**Assignment:** Nothing outside the range is wanted. Repeat exactly the lines below from the one with "#77=IFCPRODUCTDEFINITIONSHAPE($,$,(#76));" through the one with "#86=IFCMATERIAL('Steel ASTM A572".

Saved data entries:
※
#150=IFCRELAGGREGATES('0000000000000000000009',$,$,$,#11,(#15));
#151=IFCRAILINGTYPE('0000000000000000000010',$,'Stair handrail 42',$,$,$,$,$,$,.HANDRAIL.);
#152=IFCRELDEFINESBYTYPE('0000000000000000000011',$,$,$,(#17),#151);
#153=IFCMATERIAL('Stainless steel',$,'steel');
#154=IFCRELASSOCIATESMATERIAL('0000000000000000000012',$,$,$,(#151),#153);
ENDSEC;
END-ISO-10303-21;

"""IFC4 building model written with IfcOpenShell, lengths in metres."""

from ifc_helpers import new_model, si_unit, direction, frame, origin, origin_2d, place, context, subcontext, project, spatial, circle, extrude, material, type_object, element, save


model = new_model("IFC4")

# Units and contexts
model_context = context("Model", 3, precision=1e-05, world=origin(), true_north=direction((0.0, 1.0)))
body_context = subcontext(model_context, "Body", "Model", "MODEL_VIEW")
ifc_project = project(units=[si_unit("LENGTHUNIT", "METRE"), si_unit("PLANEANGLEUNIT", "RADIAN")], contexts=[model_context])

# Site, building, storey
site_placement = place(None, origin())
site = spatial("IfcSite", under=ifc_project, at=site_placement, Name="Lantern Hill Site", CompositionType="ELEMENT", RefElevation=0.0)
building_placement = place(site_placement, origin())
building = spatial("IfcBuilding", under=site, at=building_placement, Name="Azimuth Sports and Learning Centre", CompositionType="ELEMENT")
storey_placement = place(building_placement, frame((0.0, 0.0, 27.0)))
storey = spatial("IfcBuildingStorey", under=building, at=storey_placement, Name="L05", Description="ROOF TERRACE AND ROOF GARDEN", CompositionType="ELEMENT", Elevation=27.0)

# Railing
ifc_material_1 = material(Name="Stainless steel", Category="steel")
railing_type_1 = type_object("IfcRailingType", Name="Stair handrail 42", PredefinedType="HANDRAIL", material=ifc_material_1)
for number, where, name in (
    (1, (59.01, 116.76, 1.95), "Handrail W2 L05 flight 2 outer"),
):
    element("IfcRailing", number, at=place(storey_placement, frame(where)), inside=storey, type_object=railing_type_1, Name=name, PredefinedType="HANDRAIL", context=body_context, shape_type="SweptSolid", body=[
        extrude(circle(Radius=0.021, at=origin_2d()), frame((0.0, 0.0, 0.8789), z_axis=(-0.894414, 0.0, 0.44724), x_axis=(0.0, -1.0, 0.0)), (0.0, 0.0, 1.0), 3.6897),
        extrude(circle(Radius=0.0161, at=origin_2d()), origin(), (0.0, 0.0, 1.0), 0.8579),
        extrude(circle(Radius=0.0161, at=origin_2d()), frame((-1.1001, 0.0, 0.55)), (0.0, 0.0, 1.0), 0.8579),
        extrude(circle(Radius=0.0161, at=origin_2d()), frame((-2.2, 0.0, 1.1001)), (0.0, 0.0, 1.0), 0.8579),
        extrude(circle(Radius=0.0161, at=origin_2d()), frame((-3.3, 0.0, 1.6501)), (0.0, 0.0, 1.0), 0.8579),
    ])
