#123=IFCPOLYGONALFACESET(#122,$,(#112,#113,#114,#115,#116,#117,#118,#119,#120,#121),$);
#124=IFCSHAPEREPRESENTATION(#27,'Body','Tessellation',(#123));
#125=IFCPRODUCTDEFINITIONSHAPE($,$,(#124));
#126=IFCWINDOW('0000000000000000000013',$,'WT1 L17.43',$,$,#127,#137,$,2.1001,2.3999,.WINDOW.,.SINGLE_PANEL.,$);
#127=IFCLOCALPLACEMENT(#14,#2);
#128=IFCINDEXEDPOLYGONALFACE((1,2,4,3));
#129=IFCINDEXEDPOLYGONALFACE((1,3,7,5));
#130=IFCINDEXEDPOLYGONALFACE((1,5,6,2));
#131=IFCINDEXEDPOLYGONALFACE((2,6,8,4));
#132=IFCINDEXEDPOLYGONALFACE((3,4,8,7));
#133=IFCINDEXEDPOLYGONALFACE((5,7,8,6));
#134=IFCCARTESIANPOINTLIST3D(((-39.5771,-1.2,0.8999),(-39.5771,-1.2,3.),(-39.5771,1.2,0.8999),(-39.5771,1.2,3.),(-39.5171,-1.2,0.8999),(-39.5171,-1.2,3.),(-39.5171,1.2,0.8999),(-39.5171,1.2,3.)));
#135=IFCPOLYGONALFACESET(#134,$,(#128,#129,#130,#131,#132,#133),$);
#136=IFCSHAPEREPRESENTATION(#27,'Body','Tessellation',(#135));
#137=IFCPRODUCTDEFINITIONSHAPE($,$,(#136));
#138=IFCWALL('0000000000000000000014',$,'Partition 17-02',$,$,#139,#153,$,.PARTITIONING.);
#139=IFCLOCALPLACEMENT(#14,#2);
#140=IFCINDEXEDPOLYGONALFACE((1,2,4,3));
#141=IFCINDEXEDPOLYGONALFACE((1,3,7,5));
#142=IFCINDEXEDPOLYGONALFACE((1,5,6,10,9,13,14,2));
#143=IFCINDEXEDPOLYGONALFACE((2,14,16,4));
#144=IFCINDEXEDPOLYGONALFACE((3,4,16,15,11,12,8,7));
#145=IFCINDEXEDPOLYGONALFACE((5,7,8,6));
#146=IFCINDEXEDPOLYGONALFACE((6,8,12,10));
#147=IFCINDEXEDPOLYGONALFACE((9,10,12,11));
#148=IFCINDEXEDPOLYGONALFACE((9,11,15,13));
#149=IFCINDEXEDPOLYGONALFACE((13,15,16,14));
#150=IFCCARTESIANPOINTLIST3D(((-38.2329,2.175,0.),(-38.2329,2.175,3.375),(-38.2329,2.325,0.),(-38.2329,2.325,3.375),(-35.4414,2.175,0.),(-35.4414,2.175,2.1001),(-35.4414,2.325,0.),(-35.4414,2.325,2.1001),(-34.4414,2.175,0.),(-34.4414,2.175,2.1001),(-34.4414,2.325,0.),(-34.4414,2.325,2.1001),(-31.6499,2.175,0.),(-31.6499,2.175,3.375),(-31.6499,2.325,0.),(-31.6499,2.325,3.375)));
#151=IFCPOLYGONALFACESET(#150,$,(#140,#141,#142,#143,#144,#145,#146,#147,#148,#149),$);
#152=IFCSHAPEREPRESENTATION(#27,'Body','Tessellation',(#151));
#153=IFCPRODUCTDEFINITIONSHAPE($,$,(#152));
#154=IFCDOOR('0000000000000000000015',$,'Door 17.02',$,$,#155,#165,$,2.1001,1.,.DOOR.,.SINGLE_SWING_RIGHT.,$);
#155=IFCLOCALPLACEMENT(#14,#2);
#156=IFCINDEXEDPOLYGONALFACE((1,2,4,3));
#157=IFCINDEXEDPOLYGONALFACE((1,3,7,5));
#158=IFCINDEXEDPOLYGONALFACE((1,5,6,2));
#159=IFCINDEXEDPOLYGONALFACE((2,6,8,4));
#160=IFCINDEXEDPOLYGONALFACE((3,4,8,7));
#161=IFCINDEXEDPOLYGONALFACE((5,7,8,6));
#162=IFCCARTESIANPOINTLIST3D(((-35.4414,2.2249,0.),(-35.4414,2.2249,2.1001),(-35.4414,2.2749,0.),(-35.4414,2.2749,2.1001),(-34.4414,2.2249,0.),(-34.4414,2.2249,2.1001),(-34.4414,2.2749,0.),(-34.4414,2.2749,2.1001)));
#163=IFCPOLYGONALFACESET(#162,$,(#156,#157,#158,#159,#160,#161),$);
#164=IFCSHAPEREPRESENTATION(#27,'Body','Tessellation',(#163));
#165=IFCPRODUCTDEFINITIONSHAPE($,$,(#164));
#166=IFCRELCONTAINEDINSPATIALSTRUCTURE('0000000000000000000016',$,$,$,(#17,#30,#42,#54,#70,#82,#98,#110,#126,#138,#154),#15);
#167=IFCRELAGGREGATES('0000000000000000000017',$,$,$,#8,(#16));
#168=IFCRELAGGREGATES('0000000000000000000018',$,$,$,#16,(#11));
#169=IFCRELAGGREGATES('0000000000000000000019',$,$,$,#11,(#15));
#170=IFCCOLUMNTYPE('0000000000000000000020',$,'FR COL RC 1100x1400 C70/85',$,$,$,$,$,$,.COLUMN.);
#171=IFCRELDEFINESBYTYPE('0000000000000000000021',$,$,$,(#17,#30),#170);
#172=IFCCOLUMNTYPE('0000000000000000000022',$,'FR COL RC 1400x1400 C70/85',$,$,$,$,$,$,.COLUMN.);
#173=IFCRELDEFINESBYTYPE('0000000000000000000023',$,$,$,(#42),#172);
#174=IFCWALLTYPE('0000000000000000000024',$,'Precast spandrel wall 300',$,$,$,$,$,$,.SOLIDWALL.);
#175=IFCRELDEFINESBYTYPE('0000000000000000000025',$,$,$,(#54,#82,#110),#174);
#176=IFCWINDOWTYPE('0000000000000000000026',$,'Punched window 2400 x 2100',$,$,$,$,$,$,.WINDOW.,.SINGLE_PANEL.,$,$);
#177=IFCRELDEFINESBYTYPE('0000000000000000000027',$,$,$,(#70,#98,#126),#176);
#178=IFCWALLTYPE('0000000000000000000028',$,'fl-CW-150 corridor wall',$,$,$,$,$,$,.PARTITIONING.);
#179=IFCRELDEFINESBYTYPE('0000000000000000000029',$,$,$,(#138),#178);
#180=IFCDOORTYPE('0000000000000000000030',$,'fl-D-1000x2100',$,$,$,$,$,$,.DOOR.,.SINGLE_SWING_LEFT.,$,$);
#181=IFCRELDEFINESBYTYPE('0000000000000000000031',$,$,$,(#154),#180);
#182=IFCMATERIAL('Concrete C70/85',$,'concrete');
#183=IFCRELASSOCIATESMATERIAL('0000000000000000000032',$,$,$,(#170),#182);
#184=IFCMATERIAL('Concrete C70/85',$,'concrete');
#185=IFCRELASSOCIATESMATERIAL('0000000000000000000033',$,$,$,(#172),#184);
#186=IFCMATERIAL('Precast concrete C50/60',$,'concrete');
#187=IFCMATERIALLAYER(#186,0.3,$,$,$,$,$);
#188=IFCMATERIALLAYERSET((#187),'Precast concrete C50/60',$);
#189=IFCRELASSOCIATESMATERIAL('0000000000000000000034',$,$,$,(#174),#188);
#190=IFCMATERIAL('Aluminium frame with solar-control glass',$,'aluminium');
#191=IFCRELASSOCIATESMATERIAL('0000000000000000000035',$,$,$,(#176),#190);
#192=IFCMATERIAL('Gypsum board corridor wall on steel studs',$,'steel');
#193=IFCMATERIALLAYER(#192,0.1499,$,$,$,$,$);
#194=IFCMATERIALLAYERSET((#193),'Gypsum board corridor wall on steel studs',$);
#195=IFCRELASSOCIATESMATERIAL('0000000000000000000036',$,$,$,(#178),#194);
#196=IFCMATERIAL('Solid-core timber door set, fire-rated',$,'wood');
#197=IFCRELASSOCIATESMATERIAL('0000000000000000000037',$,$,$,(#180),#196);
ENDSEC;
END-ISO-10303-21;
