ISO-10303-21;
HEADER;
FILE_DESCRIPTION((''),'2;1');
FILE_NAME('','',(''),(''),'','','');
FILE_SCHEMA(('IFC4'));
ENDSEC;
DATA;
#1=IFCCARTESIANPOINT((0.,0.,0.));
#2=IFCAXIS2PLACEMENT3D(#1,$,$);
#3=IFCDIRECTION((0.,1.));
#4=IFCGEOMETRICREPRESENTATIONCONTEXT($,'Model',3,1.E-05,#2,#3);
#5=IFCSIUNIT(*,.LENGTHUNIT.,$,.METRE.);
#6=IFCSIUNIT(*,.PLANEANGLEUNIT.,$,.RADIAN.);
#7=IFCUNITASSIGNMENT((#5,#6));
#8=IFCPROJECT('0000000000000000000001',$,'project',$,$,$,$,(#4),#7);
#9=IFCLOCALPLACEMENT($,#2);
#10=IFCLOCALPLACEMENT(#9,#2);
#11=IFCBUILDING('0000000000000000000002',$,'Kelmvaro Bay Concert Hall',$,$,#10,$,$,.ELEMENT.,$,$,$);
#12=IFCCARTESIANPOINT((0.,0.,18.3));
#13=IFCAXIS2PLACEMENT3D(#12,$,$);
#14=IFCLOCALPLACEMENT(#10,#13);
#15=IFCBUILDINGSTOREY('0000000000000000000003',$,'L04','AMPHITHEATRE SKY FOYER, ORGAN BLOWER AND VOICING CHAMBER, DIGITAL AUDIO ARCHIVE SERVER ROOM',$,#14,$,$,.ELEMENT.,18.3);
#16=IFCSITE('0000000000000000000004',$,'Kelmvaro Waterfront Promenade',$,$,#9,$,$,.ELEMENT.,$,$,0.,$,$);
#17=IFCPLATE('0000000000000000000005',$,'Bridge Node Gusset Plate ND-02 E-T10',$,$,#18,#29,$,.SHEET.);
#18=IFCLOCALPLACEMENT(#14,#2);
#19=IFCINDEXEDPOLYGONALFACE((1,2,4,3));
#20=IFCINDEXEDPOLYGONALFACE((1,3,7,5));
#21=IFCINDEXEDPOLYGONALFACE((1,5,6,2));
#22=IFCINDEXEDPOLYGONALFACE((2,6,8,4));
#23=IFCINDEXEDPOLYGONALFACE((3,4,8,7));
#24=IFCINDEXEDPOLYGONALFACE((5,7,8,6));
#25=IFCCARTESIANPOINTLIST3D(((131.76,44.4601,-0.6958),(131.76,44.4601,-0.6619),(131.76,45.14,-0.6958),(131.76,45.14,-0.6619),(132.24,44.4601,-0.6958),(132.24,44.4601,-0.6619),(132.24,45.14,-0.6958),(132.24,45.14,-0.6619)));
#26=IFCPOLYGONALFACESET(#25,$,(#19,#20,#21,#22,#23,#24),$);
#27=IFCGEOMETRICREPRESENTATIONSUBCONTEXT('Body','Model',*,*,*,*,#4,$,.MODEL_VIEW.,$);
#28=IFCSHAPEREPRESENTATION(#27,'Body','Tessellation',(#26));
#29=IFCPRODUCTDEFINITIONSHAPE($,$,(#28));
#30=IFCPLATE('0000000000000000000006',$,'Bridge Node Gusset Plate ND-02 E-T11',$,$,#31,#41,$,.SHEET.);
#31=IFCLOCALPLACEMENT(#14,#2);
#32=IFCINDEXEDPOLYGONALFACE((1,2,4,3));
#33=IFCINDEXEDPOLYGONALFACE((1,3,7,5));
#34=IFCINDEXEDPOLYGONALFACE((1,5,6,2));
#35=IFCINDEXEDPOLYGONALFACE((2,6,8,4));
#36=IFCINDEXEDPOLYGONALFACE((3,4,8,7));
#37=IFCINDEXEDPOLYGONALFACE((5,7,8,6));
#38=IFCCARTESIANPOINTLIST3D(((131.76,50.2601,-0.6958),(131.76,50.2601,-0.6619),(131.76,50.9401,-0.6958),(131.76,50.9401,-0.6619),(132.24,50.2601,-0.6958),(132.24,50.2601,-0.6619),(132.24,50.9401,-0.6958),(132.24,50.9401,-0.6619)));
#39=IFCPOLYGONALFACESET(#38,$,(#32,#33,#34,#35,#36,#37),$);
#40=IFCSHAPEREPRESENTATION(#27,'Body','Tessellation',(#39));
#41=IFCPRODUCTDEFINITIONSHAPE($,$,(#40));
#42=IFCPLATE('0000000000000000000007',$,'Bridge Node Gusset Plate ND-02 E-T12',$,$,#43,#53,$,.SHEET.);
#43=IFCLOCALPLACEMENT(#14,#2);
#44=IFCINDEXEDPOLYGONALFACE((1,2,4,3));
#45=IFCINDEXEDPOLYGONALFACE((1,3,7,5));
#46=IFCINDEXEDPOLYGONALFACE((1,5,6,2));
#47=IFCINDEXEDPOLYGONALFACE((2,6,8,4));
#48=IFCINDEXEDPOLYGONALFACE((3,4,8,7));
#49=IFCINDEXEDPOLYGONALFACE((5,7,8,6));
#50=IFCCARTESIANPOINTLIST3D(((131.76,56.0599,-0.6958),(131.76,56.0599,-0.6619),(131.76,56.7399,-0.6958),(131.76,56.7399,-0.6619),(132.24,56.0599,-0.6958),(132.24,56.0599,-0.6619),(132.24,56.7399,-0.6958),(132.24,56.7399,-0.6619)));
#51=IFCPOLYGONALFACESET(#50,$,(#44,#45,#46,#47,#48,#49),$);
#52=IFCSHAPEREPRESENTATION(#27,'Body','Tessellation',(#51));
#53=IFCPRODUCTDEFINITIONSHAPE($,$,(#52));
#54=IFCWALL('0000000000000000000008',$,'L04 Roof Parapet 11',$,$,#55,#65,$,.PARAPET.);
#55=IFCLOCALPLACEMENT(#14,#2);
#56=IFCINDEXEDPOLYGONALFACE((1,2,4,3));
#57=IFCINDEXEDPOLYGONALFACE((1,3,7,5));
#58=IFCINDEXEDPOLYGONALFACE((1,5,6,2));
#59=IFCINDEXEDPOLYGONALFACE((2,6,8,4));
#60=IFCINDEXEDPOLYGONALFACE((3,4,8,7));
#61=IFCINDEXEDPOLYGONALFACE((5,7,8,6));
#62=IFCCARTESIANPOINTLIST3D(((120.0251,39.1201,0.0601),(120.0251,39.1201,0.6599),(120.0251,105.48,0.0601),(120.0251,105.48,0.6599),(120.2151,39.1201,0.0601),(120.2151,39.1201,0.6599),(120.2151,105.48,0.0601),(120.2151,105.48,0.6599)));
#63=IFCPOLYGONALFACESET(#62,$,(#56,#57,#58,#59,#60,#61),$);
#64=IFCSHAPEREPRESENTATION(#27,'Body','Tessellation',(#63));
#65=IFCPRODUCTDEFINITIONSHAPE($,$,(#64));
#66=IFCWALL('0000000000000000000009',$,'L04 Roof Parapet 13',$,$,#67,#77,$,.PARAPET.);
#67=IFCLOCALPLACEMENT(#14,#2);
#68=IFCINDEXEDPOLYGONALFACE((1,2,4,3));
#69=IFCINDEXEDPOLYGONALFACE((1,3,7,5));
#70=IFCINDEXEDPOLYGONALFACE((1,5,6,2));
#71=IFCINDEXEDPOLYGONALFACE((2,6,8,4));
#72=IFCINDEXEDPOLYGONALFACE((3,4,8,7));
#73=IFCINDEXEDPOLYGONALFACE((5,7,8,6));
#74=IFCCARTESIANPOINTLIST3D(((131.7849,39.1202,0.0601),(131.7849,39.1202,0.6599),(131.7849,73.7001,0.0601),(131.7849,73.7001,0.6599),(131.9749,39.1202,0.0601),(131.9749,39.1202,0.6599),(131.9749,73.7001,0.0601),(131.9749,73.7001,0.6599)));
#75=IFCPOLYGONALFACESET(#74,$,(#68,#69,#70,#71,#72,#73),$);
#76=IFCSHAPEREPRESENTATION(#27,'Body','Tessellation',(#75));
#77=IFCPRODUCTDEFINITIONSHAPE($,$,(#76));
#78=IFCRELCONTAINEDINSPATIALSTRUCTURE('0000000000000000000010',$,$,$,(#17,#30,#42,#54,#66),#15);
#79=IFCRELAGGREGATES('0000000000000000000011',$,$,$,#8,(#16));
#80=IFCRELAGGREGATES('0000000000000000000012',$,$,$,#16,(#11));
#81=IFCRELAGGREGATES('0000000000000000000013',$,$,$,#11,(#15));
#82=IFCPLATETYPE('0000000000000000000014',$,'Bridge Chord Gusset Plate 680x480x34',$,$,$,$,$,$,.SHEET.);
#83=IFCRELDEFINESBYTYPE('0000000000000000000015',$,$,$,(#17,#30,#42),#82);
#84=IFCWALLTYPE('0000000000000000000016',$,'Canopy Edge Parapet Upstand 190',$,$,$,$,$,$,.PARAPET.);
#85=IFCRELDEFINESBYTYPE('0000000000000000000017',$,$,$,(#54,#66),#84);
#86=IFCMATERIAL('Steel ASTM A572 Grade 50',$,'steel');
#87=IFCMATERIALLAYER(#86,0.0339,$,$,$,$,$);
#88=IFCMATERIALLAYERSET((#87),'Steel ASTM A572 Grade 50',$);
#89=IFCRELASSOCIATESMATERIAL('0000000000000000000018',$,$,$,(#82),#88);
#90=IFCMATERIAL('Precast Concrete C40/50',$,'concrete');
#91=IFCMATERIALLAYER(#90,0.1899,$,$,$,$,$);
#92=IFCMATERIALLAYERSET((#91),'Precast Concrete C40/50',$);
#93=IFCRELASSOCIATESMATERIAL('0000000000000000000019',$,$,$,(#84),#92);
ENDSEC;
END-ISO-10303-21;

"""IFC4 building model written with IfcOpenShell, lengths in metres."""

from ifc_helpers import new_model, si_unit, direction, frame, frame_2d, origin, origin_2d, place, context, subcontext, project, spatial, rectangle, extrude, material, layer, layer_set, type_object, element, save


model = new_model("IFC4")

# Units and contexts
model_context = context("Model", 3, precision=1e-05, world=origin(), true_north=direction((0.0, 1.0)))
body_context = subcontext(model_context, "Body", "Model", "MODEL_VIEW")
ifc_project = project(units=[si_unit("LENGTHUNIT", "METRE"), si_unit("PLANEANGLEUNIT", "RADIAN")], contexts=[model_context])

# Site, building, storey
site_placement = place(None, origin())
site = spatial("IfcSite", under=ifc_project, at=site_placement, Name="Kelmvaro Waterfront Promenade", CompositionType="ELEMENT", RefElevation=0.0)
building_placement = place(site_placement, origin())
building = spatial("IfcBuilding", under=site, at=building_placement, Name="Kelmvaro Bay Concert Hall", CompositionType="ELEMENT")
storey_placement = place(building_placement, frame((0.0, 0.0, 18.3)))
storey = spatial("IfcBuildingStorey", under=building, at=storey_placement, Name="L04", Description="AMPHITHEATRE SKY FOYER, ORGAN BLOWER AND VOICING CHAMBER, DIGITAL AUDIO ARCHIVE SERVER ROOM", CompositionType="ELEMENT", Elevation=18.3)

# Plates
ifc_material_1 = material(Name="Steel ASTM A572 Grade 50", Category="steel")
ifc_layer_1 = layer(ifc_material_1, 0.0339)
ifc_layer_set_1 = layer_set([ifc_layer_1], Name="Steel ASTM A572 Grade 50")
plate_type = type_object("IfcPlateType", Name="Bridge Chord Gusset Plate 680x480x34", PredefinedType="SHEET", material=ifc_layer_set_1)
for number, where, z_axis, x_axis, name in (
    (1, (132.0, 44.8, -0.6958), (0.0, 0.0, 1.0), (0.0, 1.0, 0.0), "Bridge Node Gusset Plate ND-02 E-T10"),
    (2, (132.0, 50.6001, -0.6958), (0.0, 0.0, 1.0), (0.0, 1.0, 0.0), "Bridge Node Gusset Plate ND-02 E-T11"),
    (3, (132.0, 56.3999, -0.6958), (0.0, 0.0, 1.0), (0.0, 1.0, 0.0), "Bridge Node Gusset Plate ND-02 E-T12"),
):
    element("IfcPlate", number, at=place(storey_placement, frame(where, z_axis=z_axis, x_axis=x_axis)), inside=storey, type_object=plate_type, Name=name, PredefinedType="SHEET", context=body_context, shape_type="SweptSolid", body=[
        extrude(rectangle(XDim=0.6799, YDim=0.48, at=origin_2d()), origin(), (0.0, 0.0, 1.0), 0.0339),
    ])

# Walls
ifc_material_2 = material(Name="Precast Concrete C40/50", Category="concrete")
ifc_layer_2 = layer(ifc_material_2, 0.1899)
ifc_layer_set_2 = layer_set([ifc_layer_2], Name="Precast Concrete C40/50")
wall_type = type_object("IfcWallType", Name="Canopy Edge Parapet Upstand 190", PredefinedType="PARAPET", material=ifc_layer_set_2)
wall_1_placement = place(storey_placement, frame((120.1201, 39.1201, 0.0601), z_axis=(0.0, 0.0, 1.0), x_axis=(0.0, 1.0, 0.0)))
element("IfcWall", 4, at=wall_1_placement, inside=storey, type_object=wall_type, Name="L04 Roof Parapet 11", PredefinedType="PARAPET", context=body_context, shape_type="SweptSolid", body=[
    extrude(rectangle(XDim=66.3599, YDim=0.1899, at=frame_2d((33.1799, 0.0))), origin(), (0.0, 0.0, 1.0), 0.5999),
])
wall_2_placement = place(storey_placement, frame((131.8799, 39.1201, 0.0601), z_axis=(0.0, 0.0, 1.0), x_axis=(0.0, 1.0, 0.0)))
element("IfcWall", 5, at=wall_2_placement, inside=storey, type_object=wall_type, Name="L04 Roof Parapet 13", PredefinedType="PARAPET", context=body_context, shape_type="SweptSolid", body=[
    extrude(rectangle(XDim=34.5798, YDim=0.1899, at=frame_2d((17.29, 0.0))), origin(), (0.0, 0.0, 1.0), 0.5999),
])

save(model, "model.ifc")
※
**Answer box:**
#77=IFCPRODUCTDEFINITIONSHAPE($,$,(#76));
#78=IFCRELCONTAINEDINSPATIALSTRUCTURE('0000000000000000000010',$,$,$,(#17,#30,#42,#54,#66),#15);
#79=IFCRELAGGREGATES('0000000000000000000011',$,$,$,#8,(#16));
#80=IFCRELAGGREGATES('0000000000000000000012',$,$,$,#16,(#11));
#81=IFCRELAGGREGATES('0000000000000000000013',$,$,$,#11,(#15));
#82=IFCPLATETYPE('0000000000000000000014',$,'Bridge Chord Gusset Plate 680x480x34',$,$,$,$,$,$,.SHEET.);
#83=IFCRELDEFINESBYTYPE('0000000000000000000015',$,$,$,(#17,#30,#42),#82);
#84=IFCWALLTYPE('0000000000000000000016',$,'Canopy Edge Parapet Upstand 190',$,$,$,$,$,$,.PARAPET.);
#85=IFCRELDEFINESBYTYPE('0000000000000000000017',$,$,$,(#54,#66),#84);
#86=IFCMATERIAL('Steel ASTM A572 Grade 50',$,'steel');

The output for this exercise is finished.